◆ **Data provided**
______

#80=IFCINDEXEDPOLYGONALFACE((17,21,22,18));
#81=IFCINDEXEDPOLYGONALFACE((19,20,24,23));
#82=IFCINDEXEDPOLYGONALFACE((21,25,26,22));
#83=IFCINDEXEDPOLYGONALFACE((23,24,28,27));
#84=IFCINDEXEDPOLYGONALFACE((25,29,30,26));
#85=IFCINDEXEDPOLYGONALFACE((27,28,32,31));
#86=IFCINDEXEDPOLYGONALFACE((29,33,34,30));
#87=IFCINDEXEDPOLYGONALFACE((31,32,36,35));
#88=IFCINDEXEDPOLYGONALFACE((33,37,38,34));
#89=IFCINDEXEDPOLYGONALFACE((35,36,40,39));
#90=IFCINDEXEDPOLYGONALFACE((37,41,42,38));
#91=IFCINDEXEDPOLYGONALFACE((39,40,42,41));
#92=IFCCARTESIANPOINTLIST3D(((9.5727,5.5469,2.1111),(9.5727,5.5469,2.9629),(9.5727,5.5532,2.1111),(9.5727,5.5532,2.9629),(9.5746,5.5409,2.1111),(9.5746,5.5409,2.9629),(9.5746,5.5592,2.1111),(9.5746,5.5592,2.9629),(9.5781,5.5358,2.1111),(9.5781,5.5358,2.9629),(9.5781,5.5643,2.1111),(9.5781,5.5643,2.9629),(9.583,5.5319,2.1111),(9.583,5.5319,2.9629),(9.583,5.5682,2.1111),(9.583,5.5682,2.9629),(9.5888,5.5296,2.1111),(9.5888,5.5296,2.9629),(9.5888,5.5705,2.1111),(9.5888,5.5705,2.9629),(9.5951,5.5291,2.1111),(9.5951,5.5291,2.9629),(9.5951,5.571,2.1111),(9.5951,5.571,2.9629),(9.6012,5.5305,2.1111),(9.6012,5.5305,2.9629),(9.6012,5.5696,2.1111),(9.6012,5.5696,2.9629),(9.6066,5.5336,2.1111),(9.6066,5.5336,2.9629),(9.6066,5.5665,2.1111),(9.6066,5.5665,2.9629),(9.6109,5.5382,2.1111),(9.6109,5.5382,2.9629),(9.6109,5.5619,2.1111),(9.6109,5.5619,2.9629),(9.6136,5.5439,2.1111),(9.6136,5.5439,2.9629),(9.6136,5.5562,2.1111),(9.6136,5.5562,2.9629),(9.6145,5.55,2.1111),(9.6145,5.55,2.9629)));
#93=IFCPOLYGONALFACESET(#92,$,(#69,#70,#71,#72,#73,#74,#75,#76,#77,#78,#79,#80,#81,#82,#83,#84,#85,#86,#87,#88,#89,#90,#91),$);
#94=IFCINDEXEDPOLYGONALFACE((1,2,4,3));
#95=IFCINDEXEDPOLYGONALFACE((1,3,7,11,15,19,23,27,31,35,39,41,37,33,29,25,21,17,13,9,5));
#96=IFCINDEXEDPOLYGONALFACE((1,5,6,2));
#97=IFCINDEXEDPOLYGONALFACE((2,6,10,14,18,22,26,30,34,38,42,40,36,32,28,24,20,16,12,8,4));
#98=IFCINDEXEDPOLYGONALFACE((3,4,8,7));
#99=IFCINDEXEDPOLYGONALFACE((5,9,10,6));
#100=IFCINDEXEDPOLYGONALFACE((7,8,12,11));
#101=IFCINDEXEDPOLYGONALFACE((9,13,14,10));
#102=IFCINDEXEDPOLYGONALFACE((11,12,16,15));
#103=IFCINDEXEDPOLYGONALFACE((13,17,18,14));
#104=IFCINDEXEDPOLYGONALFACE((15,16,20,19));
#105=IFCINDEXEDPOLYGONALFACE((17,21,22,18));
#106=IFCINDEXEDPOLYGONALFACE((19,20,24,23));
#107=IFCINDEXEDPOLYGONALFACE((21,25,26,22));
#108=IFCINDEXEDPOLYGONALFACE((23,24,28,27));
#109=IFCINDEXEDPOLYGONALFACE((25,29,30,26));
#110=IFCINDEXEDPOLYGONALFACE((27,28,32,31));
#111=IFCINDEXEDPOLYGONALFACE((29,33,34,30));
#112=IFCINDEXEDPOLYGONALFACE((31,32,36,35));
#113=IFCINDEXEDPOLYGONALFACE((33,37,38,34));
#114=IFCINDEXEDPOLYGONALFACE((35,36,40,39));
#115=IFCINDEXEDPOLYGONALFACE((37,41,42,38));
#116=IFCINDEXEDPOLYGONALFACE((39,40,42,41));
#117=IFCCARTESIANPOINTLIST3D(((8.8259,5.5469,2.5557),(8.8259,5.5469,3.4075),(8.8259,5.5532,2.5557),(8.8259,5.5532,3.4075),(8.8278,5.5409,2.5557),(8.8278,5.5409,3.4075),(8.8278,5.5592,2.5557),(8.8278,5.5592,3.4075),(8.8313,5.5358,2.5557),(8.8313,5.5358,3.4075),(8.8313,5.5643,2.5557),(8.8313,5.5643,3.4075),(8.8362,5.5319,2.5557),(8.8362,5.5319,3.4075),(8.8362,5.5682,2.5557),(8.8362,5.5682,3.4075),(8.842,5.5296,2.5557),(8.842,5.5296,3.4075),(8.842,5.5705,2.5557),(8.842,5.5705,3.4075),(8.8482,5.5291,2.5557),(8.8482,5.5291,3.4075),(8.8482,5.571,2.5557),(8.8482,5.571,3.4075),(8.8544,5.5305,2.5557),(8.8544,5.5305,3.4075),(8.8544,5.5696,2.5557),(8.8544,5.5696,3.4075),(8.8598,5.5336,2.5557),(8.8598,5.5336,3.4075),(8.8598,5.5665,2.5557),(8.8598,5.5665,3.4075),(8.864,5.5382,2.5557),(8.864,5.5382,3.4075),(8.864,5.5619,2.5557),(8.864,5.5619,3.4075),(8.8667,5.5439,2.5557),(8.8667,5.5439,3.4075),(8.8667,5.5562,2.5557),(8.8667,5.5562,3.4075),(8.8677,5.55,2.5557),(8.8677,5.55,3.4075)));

______

◆ **What is required**
Print all the entries above. Keep each one exact.

◆ **Answer below**
#80=IFCINDEXEDPOLYGONALFACE((17,21,22,18));
#81=IFCINDEXEDPOLYGONALFACE((19,20,24,23));
#82=IFCINDEXEDPOLYGONALFACE((21,25,26,22));
#83=IFCINDEXEDPOLYGONALFACE((23,24,28,27));
#84=IFCINDEXEDPOLYGONALFACE((25,29,30,26));
#85=IFCINDEXEDPOLYGONALFACE((27,28,32,31));
#86=IFCINDEXEDPOLYGONALFACE((29,33,34,30));
#87=IFCINDEXEDPOLYGONALFACE((31,32,36,35));
#88=IFCINDEXEDPOLYGONALFACE((33,37,38,34));
#89=IFCINDEXEDPOLYGONALFACE((35,36,40,39));
#90=IFCINDEXEDPOLYGONALFACE((37,41,42,38));
#91=IFCINDEXEDPOLYGONALFACE((39,40,42,41));
#92=IFCCARTESIANPOINTLIST3D(((9.5727,5.5469,2.1111),(9.5727,5.5469,2.9629),(9.5727,5.5532,2.1111),(9.5727,5.5532,2.9629),(9.5746,5.5409,2.1111),(9.5746,5.5409,2.9629),(9.5746,5.5592,2.1111),(9.5746,5.5592,2.9629),(9.5781,5.5358,2.1111),(9.5781,5.5358,2.9629),(9.5781,5.5643,2.1111),(9.5781,5.5643,2.9629),(9.583,5.5319,2.1111),(9.583,5.5319,2.9629),(9.583,5.5682,2.1111),(9.583,5.5682,2.9629),(9.5888,5.5296,2.1111),(9.5888,5.5296,2.9629),(9.5888,5.5705,2.1111),(9.5888,5.5705,2.9629),(9.5951,5.5291,2.1111),(9.5951,5.5291,2.9629),(9.5951,5.571,2.1111),(9.5951,5.571,2.9629),(9.6012,5.5305,2.1111),(9.6012,5.5305,2.9629),(9.6012,5.5696,2.1111),(9.6012,5.5696,2.9629),(9.6066,5.5336,2.1111),(9.6066,5.5336,2.9629),(9.6066,5.5665,2.1111),(9.6066,5.5665,2.9629),(9.6109,5.5382,2.1111),(9.6109,5.5382,2.9629),(9.6109,5.5619,2.1111),(9.6109,5.5619,2.9629),(9.6136,5.5439,2.1111),(9.6136,5.5439,2.9629),(9.6136,5.5562,2.1111),(9.6136,5.5562,2.9629),(9.6145,5.55,2.1111),(9.6145,5.55,2.9629)));
#93=IFCPOLYGONALFACESET(#92,$,(#69,#70,#71,#72,#73,#74,#75,#76,#77,#78,#79,#80,#81,#82,#83,#84,#85,#86,#87,#88,#89,#90,#91),$);
#94=IFCINDEXEDPOLYGONALFACE((1,2,4,3));
#95=IFCINDEXEDPOLYGONALFACE((1,3,7,11,15,19,23,27,31,35,39,41,37,33,29,25,21,17,13,9,5));
#96=IFCINDEXEDPOLYGONALFACE((1,5,6,2));
#97=IFCINDEXEDPOLYGONALFACE((2,6,10,14,18,22,26,30,34,38,42,40,36,32,28,24,20,16,12,8,4));
#98=IFCINDEXEDPOLYGONALFACE((3,4,8,7));
#99=IFCINDEXEDPOLYGONALFACE((5,9,10,6));
#100=IFCINDEXEDPOLYGONALFACE((7,8,12,11));
#101=IFCINDEXEDPOLYGONALFACE((9,13,14,10));
#102=IFCINDEXEDPOLYGONALFACE((11,12,16,15));
#103=IFCINDEXEDPOLYGONALFACE((13,17,18,14));
#104=IFCINDEXEDPOLYGONALFACE((15,16,20,19));
#105=IFCINDEXEDPOLYGONALFACE((17,21,22,18));
#106=IFCINDEXEDPOLYGONALFACE((19,20,24,23));
#107=IFCINDEXEDPOLYGONALFACE((21,25,26,22));
#108=IFCINDEXEDPOLYGONALFACE((23,24,28,27));
#109=IFCINDEXEDPOLYGONALFACE((25,29,30,26));
#110=IFCINDEXEDPOLYGONALFACE((27,28,32,31));
#111=IFCINDEXEDPOLYGONALFACE((29,33,34,30));
#112=IFCINDEXEDPOLYGONALFACE((31,32,36,35));
#113=IFCINDEXEDPOLYGONALFACE((33,37,38,34));
#114=IFCINDEXEDPOLYGONALFACE((35,36,40,39));
#115=IFCINDEXEDPOLYGONALFACE((37,41,42,38));
#116=IFCINDEXEDPOLYGONALFACE((39,40,42,41));
#117=IFCCARTESIANPOINTLIST3D(((8.8259,5.5469,2.5557),(8.8259,5.5469,3.4075),(8.8259,5.5532,2.5557),(8.8259,5.5532,3.4075),(8.8278,5.5409,2.5557),(8.8278,5.5409,3.4075),(8.8278,5.5592,2.5557),(8.8278,5.5592,3.4075),(8.8313,5.5358,2.5557),(8.8313,5.5358,3.4075),(8.8313,5.5643,2.5557),(8.8313,5.5643,3.4075),(8.8362,5.5319,2.5557),(8.8362,5.5319,3.4075),(8.8362,5.5682,2.5557),(8.8362,5.5682,3.4075),(8.842,5.5296,2.5557),(8.842,5.5296,3.4075),(8.842,5.5705,2.5557),(8.842,5.5705,3.4075),(8.8482,5.5291,2.5557),(8.8482,5.5291,3.4075),(8.8482,5.571,2.5557),(8.8482,5.571,3.4075),(8.8544,5.5305,2.5557),(8.8544,5.5305,3.4075),(8.8544,5.5696,2.5557),(8.8544,5.5696,3.4075),(8.8598,5.5336,2.5557),(8.8598,5.5336,3.4075),(8.8598,5.5665,2.5557),(8.8598,5.5665,3.4075),(8.864,5.5382,2.5557),(8.864,5.5382,3.4075),(8.864,5.5619,2.5557),(8.864,5.5619,3.4075),(8.8667,5.5439,2.5557),(8.8667,5.5439,3.4075),(8.8667,5.5562,2.5557),(8.8667,5.5562,3.4075),(8.8677,5.55,2.5557),(8.8677,5.55,3.4075)));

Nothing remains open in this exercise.